Data for analysis section start

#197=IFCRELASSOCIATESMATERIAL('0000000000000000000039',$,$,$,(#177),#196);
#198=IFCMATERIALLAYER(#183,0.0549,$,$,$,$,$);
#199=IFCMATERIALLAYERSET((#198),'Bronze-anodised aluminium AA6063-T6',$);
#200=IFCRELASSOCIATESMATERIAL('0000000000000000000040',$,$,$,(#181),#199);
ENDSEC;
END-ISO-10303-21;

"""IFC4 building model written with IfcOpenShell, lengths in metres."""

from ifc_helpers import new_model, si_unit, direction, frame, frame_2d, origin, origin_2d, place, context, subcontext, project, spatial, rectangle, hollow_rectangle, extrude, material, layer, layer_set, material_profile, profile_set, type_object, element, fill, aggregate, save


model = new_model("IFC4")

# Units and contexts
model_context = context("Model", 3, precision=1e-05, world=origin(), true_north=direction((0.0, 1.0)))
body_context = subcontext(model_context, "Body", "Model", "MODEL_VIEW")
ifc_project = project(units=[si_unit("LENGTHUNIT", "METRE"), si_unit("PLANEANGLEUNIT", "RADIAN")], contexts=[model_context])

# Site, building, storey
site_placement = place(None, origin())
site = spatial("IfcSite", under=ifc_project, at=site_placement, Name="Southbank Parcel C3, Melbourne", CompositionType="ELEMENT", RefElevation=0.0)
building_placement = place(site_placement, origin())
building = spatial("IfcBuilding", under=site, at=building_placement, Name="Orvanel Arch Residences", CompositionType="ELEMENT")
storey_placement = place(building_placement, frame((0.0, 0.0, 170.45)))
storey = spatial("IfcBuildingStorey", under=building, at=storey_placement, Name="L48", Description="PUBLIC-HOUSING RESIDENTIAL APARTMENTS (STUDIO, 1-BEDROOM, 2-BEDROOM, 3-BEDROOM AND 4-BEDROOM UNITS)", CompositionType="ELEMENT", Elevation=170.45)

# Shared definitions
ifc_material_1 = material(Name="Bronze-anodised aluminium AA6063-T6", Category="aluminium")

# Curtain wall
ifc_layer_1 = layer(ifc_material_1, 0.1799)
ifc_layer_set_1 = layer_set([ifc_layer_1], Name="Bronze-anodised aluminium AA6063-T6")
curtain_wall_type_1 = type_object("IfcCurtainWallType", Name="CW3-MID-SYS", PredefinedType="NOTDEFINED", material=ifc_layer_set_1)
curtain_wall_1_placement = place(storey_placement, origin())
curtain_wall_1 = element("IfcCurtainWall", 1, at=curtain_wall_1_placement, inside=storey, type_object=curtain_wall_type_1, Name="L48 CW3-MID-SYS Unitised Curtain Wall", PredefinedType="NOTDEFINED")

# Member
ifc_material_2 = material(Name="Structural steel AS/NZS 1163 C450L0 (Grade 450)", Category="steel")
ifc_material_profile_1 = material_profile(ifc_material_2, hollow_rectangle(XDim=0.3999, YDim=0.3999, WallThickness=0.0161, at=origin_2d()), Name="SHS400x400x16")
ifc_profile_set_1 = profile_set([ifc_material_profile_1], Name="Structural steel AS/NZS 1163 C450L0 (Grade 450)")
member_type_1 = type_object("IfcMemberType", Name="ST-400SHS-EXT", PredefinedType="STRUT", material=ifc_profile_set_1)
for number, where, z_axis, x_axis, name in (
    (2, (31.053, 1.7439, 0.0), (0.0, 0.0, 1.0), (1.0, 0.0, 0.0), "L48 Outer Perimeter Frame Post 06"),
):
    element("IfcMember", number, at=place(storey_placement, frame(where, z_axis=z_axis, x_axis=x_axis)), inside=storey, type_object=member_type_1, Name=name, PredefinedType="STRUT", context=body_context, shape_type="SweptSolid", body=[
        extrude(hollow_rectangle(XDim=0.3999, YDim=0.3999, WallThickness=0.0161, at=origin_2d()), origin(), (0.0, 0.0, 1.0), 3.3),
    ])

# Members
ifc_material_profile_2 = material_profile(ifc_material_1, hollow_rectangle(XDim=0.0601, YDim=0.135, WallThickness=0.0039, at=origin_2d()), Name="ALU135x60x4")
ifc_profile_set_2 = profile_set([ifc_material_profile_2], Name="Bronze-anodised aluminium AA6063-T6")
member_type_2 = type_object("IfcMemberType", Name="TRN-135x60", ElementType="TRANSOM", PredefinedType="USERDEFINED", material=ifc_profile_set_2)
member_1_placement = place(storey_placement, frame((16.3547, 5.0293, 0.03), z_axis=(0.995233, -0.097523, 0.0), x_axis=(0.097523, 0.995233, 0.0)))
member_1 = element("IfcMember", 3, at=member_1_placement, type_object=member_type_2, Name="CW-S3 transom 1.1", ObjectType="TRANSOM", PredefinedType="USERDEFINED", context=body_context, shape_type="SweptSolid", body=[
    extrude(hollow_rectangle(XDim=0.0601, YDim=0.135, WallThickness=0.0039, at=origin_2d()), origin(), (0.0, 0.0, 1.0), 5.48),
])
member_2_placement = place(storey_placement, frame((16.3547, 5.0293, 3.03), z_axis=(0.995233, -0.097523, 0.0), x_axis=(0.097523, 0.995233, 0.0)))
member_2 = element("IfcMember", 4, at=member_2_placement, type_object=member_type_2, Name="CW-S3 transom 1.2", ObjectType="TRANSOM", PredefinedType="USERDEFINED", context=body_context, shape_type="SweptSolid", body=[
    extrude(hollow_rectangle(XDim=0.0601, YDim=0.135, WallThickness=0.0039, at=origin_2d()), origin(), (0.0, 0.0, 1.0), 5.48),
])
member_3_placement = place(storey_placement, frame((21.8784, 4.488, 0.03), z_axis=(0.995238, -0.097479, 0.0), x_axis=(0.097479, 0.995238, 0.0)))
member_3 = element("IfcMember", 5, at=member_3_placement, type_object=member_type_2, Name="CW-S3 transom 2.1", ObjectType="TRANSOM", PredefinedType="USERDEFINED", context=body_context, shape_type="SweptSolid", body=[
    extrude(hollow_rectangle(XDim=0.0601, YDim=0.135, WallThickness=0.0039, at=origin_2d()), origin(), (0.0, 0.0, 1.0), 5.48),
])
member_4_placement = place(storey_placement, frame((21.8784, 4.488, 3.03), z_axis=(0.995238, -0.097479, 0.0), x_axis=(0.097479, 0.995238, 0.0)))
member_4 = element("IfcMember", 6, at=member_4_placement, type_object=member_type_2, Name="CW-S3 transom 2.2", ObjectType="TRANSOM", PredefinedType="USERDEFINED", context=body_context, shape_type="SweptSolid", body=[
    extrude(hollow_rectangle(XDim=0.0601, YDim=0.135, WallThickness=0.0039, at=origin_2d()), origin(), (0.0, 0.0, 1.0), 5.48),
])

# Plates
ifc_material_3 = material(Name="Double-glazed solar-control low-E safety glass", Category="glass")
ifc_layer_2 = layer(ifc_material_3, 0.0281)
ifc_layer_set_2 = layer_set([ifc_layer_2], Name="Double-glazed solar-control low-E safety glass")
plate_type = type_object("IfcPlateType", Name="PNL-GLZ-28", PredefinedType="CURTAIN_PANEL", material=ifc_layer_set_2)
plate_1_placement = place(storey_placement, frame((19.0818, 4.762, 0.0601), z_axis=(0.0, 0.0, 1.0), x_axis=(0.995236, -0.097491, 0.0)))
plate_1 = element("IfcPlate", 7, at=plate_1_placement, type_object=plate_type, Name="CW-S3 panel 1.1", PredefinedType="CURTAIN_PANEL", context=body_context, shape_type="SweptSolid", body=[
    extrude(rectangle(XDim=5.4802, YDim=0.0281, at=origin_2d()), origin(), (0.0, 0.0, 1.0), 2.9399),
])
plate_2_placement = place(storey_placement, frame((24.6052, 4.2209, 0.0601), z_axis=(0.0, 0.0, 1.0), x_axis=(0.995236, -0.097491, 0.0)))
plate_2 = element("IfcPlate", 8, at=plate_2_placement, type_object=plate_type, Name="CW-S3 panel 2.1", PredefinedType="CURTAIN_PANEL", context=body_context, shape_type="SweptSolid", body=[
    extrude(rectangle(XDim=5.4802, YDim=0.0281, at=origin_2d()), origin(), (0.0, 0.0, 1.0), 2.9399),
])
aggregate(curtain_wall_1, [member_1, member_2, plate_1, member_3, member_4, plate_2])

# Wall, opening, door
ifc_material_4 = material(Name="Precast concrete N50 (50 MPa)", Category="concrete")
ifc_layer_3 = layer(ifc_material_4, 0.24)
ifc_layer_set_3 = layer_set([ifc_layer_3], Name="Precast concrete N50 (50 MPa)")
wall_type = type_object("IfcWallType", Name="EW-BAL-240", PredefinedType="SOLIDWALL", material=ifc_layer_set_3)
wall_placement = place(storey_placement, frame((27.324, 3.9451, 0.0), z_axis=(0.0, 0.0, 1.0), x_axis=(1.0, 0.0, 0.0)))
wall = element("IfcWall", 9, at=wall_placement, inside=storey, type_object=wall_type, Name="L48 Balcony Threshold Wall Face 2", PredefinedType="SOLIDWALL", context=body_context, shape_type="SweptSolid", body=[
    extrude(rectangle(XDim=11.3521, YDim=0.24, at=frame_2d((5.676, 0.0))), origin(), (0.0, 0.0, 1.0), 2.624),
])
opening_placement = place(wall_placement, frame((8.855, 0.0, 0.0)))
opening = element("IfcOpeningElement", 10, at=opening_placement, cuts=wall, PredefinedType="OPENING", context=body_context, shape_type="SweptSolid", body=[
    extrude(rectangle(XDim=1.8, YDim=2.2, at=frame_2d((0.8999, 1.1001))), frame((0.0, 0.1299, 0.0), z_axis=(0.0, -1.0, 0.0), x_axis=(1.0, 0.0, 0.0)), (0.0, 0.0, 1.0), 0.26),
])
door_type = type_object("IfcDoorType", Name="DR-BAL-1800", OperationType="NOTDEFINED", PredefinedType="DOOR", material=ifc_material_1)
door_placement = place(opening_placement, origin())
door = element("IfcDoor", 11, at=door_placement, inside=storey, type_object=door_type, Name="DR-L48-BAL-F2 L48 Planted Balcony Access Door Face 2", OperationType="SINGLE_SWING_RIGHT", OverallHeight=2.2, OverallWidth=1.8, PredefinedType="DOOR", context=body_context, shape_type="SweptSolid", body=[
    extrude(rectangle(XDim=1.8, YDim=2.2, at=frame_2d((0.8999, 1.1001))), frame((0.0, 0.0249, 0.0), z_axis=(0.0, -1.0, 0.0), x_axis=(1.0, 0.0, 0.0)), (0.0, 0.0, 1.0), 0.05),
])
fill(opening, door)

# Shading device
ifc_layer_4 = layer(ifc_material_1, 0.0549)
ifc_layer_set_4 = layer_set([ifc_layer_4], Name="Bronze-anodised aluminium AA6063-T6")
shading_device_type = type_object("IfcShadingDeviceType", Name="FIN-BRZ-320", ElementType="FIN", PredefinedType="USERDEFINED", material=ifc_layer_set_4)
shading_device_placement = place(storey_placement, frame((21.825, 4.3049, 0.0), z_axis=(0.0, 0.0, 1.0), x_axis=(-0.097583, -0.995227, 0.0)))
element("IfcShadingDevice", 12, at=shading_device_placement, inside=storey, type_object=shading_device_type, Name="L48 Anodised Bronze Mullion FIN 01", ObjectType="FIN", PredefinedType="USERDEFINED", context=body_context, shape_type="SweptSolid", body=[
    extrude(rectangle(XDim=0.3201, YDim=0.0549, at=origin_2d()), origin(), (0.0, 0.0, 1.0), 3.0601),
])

Data for analysis section end

The line containing "curtain_wall_1_placement = place(storey_placement, origin())" marks the end. Please print exactly every line from the top of the data to it, both included, and nothing more.

#197=IFCRELASSOCIATESMATERIAL('0000000000000000000039',$,$,$,(#177),#196);
#198=IFCMATERIALLAYER(#183,0.0549,$,$,$,$,$);
#199=IFCMATERIALLAYERSET((#198),'Bronze-anodised aluminium AA6063-T6',$);
#200=IFCRELASSOCIATESMATERIAL('0000000000000000000040',$,$,$,(#181),#199);
ENDSEC;
END-ISO-10303-21;

"""IFC4 building model written with IfcOpenShell, lengths in metres."""

from ifc_helpers import new_model, si_unit, direction, frame, frame_2d, origin, origin_2d, place, context, subcontext, project, spatial, rectangle, hollow_rectangle, extrude, material, layer, layer_set, material_profile, profile_set, type_object, element, fill, aggregate, save


model = new_model("IFC4")

# Units and contexts
model_context = context("Model", 3, precision=1e-05, world=origin(), true_north=direction((0.0, 1.0)))
body_context = subcontext(model_context, "Body", "Model", "MODEL_VIEW")
ifc_project = project(units=[si_unit("LENGTHUNIT", "METRE"), si_unit("PLANEANGLEUNIT", "RADIAN")], contexts=[model_context])

# Site, building, storey
site_placement = place(None, origin())
site = spatial("IfcSite", under=ifc_project, at=site_placement, Name="Southbank Parcel C3, Melbourne", CompositionType="ELEMENT", RefElevation=0.0)
building_placement = place(site_placement, origin())
building = spatial("IfcBuilding", under=site, at=building_placement, Name="Orvanel Arch Residences", CompositionType="ELEMENT")
storey_placement = place(building_placement, frame((0.0, 0.0, 170.45)))
storey = spatial("IfcBuildingStorey", under=building, at=storey_placement, Name="L48", Description="PUBLIC-HOUSING RESIDENTIAL APARTMENTS (STUDIO, 1-BEDROOM, 2-BEDROOM, 3-BEDROOM AND 4-BEDROOM UNITS)", CompositionType="ELEMENT", Elevation=170.45)

# Shared definitions
ifc_material_1 = material(Name="Bronze-anodised aluminium AA6063-T6", Category="aluminium")

# Curtain wall
ifc_layer_1 = layer(ifc_material_1, 0.1799)
ifc_layer_set_1 = layer_set([ifc_layer_1], Name="Bronze-anodised aluminium AA6063-T6")
curtain_wall_type_1 = type_object("IfcCurtainWallType", Name="CW3-MID-SYS", PredefinedType="NOTDEFINED", material=ifc_layer_set_1)
curtain_wall_1_placement = place(storey_placement, origin())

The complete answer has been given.